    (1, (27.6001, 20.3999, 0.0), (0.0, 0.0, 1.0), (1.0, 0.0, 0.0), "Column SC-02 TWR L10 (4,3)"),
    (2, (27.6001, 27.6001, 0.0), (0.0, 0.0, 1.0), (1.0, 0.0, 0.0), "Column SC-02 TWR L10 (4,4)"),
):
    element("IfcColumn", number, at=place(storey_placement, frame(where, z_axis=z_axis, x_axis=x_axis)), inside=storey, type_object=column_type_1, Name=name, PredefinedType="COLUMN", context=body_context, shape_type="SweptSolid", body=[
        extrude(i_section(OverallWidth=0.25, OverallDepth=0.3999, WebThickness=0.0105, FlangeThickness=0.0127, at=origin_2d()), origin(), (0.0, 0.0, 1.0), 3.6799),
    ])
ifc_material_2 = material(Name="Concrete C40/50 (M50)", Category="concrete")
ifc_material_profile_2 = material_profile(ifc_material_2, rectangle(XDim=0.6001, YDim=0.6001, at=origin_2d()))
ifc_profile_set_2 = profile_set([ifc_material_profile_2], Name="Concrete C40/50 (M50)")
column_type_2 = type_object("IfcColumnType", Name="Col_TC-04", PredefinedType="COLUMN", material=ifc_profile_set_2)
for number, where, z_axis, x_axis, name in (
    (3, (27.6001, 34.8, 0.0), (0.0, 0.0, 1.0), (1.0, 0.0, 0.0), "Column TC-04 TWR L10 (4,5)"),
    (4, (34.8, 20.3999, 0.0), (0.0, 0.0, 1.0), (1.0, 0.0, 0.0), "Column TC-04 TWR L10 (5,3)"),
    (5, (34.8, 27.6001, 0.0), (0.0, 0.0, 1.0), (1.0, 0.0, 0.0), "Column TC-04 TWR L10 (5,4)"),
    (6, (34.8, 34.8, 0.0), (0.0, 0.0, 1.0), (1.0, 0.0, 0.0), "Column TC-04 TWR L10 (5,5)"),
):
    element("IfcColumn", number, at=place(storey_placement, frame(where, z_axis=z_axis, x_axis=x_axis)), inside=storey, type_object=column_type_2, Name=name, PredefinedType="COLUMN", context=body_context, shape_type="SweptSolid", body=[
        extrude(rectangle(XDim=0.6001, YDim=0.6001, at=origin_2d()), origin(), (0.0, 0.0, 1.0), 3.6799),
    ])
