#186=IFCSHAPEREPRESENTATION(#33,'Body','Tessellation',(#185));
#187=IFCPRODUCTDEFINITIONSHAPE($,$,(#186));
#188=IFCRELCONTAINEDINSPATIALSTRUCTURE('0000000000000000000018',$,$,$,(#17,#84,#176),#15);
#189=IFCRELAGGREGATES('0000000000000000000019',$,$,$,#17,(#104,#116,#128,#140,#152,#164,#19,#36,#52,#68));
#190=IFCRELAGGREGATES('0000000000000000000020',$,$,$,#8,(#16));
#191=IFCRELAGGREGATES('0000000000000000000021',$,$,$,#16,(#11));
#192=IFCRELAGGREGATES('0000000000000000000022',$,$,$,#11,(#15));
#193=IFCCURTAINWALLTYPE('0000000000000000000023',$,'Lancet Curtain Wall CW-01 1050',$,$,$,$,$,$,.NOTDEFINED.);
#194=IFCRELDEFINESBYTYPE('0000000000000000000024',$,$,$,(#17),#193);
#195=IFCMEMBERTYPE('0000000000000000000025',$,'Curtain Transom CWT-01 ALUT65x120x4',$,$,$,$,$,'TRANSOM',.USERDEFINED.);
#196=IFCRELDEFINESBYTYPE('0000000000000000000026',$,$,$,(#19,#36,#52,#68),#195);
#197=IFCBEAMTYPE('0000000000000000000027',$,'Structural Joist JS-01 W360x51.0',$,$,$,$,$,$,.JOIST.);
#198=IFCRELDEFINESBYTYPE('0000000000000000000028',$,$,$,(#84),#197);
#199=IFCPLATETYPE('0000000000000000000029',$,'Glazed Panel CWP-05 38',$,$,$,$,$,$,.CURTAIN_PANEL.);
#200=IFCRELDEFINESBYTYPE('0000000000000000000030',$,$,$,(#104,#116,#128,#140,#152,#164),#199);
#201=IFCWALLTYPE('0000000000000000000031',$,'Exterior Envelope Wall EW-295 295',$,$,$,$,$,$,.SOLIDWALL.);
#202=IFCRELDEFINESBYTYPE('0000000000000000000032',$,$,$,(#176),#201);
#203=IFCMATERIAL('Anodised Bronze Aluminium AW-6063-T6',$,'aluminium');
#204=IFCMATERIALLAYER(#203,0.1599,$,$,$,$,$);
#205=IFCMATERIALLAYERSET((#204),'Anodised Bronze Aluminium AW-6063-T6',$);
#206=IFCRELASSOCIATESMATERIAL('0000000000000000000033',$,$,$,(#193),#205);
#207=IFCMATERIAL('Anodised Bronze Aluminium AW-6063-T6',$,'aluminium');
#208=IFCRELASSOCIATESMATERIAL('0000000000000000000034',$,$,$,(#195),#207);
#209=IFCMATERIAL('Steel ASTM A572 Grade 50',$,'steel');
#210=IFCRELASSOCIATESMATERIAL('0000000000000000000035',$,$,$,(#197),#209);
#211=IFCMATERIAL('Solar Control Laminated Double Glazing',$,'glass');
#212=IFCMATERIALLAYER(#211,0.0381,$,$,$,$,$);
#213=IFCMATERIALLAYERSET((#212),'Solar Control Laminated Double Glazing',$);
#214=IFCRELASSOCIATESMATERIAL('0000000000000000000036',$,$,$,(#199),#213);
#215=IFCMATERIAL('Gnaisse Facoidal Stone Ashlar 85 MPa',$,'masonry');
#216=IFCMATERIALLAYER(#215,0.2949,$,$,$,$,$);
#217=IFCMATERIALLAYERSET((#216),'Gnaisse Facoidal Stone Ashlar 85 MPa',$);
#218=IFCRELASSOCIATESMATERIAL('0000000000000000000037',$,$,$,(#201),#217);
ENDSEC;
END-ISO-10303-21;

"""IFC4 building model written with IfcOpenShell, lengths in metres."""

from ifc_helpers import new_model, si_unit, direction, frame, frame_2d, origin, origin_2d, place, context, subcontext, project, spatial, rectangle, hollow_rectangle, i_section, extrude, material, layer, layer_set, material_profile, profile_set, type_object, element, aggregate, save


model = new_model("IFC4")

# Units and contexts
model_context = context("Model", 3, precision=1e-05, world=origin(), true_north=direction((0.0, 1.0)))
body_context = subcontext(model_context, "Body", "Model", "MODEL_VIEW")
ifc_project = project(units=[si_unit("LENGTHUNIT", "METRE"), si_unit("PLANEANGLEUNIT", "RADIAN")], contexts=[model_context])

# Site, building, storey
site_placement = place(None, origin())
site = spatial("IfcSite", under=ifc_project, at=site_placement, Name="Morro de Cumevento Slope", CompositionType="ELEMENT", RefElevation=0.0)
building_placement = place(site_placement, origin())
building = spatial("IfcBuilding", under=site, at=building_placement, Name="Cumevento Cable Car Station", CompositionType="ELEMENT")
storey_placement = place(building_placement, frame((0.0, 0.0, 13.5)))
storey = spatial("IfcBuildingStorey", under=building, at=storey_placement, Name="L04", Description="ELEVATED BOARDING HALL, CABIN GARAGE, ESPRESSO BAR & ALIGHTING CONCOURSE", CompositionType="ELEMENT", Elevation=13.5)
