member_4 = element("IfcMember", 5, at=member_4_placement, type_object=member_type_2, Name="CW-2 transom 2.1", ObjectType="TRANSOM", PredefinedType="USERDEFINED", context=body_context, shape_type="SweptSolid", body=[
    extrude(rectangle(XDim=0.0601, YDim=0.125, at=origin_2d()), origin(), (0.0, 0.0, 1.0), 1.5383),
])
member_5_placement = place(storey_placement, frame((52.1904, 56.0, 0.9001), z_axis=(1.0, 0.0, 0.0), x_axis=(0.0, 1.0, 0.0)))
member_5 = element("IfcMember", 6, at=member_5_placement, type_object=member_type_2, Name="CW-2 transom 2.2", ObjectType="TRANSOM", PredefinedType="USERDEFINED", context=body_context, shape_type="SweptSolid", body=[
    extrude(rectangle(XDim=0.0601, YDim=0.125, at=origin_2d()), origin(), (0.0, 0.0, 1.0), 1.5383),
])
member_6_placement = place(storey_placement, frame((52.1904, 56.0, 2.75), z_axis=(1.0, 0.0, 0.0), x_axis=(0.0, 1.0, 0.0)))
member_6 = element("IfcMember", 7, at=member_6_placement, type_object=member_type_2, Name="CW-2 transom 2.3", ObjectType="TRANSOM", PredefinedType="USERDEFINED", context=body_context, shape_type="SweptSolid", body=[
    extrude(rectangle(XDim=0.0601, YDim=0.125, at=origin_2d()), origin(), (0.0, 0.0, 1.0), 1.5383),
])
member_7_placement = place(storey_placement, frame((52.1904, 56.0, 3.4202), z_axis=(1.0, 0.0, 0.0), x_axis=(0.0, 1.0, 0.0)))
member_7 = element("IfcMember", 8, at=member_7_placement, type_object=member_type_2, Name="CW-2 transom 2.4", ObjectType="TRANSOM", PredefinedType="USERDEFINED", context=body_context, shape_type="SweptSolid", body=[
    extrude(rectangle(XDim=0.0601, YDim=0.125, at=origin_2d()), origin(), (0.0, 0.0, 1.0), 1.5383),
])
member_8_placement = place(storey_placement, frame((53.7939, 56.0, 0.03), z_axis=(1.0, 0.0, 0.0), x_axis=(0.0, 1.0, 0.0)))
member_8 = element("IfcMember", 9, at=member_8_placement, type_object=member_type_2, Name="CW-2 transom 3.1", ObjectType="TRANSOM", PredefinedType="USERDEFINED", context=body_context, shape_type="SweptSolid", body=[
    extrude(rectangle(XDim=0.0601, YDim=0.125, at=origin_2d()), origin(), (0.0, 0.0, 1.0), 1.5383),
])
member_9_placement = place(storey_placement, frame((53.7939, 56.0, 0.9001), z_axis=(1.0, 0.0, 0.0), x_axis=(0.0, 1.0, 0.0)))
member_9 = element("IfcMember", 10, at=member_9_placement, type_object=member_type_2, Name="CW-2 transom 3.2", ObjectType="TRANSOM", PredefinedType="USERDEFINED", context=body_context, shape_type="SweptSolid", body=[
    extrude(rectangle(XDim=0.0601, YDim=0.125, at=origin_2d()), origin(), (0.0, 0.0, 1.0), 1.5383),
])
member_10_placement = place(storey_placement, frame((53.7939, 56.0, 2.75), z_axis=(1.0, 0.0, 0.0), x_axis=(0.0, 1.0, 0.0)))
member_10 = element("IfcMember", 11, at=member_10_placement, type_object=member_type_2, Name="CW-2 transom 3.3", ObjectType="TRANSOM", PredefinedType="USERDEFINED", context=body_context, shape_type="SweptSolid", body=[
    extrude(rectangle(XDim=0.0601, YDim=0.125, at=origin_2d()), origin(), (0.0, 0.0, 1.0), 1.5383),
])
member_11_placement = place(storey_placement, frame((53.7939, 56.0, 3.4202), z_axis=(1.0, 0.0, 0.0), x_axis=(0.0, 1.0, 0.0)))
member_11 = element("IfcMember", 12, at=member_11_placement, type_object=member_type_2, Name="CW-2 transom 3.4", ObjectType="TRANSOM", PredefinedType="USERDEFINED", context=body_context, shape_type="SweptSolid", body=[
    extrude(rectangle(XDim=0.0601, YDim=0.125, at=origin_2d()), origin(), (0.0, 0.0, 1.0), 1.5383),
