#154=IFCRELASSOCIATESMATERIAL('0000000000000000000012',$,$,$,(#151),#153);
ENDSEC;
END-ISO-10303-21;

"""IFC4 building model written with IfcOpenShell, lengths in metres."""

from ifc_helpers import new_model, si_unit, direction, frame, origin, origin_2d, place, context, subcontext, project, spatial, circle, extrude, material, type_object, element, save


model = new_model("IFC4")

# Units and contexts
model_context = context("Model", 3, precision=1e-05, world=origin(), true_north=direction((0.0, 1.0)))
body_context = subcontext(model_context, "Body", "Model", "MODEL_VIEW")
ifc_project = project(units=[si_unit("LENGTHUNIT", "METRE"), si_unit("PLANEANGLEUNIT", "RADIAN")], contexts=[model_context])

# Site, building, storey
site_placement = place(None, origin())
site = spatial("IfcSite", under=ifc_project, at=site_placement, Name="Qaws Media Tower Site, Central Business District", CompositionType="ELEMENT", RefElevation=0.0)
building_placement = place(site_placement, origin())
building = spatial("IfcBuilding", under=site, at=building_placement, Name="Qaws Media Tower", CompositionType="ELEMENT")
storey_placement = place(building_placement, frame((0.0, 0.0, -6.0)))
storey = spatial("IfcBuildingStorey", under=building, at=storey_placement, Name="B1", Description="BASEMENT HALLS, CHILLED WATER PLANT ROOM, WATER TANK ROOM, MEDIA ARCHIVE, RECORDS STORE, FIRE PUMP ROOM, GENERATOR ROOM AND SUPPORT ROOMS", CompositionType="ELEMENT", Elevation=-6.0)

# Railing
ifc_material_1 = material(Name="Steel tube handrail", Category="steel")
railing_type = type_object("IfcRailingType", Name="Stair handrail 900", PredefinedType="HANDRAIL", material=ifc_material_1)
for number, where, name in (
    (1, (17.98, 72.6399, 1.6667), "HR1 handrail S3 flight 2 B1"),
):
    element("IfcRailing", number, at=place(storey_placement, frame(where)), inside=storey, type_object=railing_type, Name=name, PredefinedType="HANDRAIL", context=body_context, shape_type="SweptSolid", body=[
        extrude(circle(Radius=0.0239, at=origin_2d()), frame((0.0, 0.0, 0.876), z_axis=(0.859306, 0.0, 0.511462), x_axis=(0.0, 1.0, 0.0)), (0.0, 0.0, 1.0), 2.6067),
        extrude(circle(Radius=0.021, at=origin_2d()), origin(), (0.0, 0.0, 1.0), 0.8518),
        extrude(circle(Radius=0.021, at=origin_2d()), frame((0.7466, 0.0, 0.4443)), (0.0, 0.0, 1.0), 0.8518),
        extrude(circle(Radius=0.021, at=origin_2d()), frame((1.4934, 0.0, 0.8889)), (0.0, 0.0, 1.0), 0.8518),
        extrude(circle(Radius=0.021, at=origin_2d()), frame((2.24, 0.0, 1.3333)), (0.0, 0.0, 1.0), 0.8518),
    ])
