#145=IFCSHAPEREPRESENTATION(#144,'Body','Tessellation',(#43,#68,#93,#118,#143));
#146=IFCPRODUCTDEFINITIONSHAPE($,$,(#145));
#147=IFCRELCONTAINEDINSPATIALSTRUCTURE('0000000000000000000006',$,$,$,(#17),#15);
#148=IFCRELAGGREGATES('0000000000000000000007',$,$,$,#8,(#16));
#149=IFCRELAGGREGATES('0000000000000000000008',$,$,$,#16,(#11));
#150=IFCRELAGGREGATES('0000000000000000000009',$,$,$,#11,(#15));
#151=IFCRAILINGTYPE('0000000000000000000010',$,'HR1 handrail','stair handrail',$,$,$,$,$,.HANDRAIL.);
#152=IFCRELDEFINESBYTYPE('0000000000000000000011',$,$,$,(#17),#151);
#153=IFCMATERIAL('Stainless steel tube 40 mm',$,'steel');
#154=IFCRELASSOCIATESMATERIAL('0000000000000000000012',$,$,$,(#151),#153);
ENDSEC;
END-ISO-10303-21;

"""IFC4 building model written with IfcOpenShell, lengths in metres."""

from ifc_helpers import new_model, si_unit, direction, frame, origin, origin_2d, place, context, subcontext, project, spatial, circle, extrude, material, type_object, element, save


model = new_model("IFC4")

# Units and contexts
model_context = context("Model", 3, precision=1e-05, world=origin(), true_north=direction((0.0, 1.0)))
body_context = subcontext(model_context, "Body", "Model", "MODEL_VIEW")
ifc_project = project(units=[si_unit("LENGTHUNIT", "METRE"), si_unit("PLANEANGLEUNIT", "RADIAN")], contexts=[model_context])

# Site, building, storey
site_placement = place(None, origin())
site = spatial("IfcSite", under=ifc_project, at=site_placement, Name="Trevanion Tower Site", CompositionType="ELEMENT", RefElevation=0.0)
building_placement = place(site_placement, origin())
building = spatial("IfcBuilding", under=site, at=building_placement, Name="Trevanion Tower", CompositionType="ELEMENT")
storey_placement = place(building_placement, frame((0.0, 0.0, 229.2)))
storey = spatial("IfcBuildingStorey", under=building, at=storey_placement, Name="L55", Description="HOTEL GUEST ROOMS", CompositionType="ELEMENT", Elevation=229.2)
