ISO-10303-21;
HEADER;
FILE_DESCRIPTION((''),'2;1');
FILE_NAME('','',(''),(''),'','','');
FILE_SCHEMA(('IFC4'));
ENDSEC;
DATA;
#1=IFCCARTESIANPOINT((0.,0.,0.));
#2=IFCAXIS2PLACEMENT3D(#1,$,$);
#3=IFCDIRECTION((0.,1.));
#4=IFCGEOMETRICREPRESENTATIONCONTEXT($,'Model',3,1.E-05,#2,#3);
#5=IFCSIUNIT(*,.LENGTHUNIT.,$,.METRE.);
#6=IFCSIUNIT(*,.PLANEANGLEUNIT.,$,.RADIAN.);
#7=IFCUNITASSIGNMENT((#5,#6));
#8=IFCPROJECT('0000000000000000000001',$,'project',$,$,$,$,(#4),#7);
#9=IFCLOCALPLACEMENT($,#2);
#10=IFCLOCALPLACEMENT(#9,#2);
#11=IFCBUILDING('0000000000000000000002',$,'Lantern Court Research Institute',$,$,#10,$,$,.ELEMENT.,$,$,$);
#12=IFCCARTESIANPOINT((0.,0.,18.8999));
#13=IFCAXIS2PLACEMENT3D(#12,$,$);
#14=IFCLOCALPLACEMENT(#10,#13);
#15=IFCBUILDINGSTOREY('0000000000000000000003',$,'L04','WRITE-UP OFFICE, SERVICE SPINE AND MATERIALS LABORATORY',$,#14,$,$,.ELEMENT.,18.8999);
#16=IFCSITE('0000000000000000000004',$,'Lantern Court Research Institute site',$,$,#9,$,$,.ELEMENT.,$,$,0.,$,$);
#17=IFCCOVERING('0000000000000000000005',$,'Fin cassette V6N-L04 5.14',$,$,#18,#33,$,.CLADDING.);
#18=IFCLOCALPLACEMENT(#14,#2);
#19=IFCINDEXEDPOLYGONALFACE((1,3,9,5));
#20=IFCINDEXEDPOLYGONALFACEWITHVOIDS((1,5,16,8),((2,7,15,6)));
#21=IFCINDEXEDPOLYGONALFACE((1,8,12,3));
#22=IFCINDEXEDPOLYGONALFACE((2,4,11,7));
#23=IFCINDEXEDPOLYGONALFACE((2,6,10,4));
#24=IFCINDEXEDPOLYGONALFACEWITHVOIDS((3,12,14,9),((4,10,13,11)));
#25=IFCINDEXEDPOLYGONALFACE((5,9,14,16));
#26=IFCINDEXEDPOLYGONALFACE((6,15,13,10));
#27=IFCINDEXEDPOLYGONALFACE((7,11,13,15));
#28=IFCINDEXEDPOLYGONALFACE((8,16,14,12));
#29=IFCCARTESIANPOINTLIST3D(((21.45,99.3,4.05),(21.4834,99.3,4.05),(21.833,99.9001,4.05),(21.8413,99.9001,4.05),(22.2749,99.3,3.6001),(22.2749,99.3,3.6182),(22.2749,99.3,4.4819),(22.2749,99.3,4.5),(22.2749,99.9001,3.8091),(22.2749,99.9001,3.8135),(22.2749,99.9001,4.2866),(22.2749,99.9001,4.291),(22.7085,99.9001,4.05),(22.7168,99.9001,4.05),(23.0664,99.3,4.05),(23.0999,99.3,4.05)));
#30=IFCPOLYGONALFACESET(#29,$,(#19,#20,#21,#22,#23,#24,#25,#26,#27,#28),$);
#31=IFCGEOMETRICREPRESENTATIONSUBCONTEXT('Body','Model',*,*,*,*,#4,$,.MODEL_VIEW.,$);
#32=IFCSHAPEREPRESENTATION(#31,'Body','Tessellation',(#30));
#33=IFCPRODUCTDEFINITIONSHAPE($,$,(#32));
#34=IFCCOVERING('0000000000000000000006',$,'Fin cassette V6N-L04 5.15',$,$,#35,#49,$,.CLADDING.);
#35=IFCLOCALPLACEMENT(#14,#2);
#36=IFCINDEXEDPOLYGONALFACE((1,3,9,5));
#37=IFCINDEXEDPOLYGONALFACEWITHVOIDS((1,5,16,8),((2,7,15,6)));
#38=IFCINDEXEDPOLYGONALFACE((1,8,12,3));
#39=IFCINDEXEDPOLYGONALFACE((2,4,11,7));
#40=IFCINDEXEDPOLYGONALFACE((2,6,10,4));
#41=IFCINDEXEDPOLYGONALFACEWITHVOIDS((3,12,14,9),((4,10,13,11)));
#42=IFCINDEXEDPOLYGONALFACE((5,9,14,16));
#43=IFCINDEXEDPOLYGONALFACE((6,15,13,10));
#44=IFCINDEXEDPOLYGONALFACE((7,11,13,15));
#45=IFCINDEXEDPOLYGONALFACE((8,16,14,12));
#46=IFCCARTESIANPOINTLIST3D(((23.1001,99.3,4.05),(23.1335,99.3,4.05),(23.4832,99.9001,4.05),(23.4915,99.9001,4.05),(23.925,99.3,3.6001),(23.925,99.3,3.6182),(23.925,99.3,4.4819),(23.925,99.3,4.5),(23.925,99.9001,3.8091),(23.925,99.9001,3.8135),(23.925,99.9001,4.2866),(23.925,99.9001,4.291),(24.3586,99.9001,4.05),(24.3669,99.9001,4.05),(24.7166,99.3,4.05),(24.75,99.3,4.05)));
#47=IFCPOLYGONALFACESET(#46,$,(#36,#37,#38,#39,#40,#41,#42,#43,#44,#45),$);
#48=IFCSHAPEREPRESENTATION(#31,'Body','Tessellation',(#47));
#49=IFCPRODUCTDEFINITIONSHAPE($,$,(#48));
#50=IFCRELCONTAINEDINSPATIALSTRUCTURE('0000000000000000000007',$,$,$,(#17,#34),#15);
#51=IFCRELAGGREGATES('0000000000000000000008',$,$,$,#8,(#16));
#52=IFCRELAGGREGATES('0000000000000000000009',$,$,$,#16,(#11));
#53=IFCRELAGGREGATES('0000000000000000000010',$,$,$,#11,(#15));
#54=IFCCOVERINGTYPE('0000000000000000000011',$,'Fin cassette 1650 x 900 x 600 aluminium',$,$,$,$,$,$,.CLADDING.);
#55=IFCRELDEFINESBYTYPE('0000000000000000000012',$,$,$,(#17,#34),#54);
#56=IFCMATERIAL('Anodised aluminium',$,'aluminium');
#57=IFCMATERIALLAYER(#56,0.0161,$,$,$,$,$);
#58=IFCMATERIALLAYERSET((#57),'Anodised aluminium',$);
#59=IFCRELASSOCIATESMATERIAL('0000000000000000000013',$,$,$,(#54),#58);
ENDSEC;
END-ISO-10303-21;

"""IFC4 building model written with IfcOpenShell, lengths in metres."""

from ifc_helpers import new_model, entity, si_unit, direction, frame, origin, place, context, subcontext, project, spatial, material, layer, layer_set, type_object, element, save


model = new_model("IFC4")

# Units and contexts
model_context = context("Model", 3, precision=1e-05, world=origin(), true_north=direction((0.0, 1.0)))
body_context = subcontext(model_context, "Body", "Model", "MODEL_VIEW")
ifc_project = project(units=[si_unit("LENGTHUNIT", "METRE"), si_unit("PLANEANGLEUNIT", "RADIAN")], contexts=[model_context])

# Site, building, storey
site_placement = place(None, origin())
site = spatial("IfcSite", under=ifc_project, at=site_placement, Name="Lantern Court Research Institute site", CompositionType="ELEMENT", RefElevation=0.0)
building_placement = place(site_placement, origin())
building = spatial("IfcBuilding", under=site, at=building_placement, Name="Lantern Court Research Institute", CompositionType="ELEMENT")
storey_placement = place(building_placement, frame((0.0, 0.0, 18.8999)))
storey = spatial("IfcBuildingStorey", under=building, at=storey_placement, Name="L04", Description="WRITE-UP OFFICE, SERVICE SPINE AND MATERIALS LABORATORY", CompositionType="ELEMENT", Elevation=18.8999)

# Coverings
ifc_material_1 = material(Name="Anodised aluminium", Category="aluminium")
ifc_layer_1 = layer(ifc_material_1, 0.0161)
ifc_layer_set_1 = layer_set([ifc_layer_1], Name="Anodised aluminium")
covering_type_1 = type_object("IfcCoveringType", Name="Fin cassette 1650 x 900 x 600 aluminium", PredefinedType="CLADDING", material=ifc_layer_set_1)
covering_1_placement = place(storey_placement, frame((22.2749, 99.3, 4.05), z_axis=(0.0, 1.0, 0.0), x_axis=(-1.0, 0.0, 0.0)))
cartesian_point_1 = entity("IfcCartesianPoint", [0.825, 0.0])
cartesian_point_2 = entity("IfcCartesianPoint", [0.7915, 0.0])
cartesian_point_3 = entity("IfcCartesianPoint", [0.4419, 0.0])
cartesian_point_4 = entity("IfcCartesianPoint", [0.4336, 0.0])
element("IfcCovering", 1, at=covering_1_placement, inside=storey, type_object=covering_type_1, Name="Fin cassette V6N-L04 5.14", PredefinedType="CLADDING", context=body_context, shape_type="SweptSolid", body=[
    entity("IfcExtrudedAreaSolidTapered", entity("IfcArbitraryProfileDefWithVoids", "AREA", None, entity("IfcPolyline", [cartesian_point_1, entity("IfcCartesianPoint", [0.0, 0.45]), entity("IfcCartesianPoint", [-0.825, 0.0]), entity("IfcCartesianPoint", [0.0, -0.45]), cartesian_point_1]), [entity("IfcPolyline", [cartesian_point_2, entity("IfcCartesianPoint", [0.0, 0.4319]), entity("IfcCartesianPoint", [-0.7915, 0.0]), entity("IfcCartesianPoint", [0.0, -0.4319]), cartesian_point_2])]), entity("IfcAxis2Placement3D", entity("IfcCartesianPoint", [0.0, 0.0, 0.0])), entity("IfcDirection", [0.0, 0.0, 1.0]), 0.6001, entity("IfcArbitraryProfileDefWithVoids", "AREA", None, entity("IfcPolyline", [cartesian_point_3, entity("IfcCartesianPoint", [0.0, 0.241]), entity("IfcCartesianPoint", [-0.4419, 0.0]), entity("IfcCartesianPoint", [0.0, -0.241]), cartesian_point_3]), [entity("IfcPolyline", [cartesian_point_4, entity("IfcCartesianPoint", [0.0, 0.2366]), entity("IfcCartesianPoint", [-0.4336, 0.0]), entity("IfcCartesianPoint", [0.0, -0.2366]), cartesian_point_4])])),
])
covering_2_placement = place(storey_placement, frame((23.925, 99.3, 4.05), z_axis=(0.0, 1.0, 0.0), x_axis=(-1.0, 0.0, 0.0)))
cartesian_point_5 = entity("IfcCartesianPoint", [0.825, 0.0])
cartesian_point_6 = entity("IfcCartesianPoint", [0.7915, 0.0])
cartesian_point_7 = entity("IfcCartesianPoint", [0.4419, 0.0])
cartesian_point_8 = entity("IfcCartesianPoint", [0.4336, 0.0])
element("IfcCovering", 2, at=covering_2_placement, inside=storey, type_object=covering_type_1, Name="Fin cassette V6N-L04 5.15", PredefinedType="CLADDING", context=body_context, shape_type="SweptSolid", body=[
    entity("IfcExtrudedAreaSolidTapered", entity("IfcArbitraryProfileDefWithVoids", "AREA", None, entity("IfcPolyline", [cartesian_point_5, entity("IfcCartesianPoint", [0.0, 0.45]), entity("IfcCartesianPoint", [-0.825, 0.0]), entity("IfcCartesianPoint", [0.0, -0.45]), cartesian_point_5]), [entity("IfcPolyline", [cartesian_point_6, entity("IfcCartesianPoint", [0.0, 0.4319]), entity("IfcCartesianPoint", [-0.7915, 0.0]), entity("IfcCartesianPoint", [0.0, -0.4319]), cartesian_point_6])]), entity("IfcAxis2Placement3D", entity("IfcCartesianPoint", [0.0, 0.0, 0.0])), entity("IfcDirection", [0.0, 0.0, 1.0]), 0.6001, entity("IfcArbitraryProfileDefWithVoids", "AREA", None, entity("IfcPolyline", [cartesian_point_7, entity("IfcCartesianPoint", [0.0, 0.241]), entity("IfcCartesianPoint", [-0.4419, 0.0]), entity("IfcCartesianPoint", [0.0, -0.241]), cartesian_point_7]), [entity("IfcPolyline", [cartesian_point_8, entity("IfcCartesianPoint", [0.0, 0.2366]), entity("IfcCartesianPoint", [-0.4336, 0.0]), entity("IfcCartesianPoint", [0.0, -0.2366]), cartesian_point_8])])),
])

save(model, "model.ifc")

**********

■ WHAT THE TASK ASKS
Search the entries for the string "Double" and collect each line that has it.

■ RESPONSE TO THE EXERCISE
#211=IFCMATERIAL('Solar Control Laminated Double Glazing',$,'glass');
#213=IFCMATERIALLAYERSET((#212),'Solar Control Laminated Double Glazing',$);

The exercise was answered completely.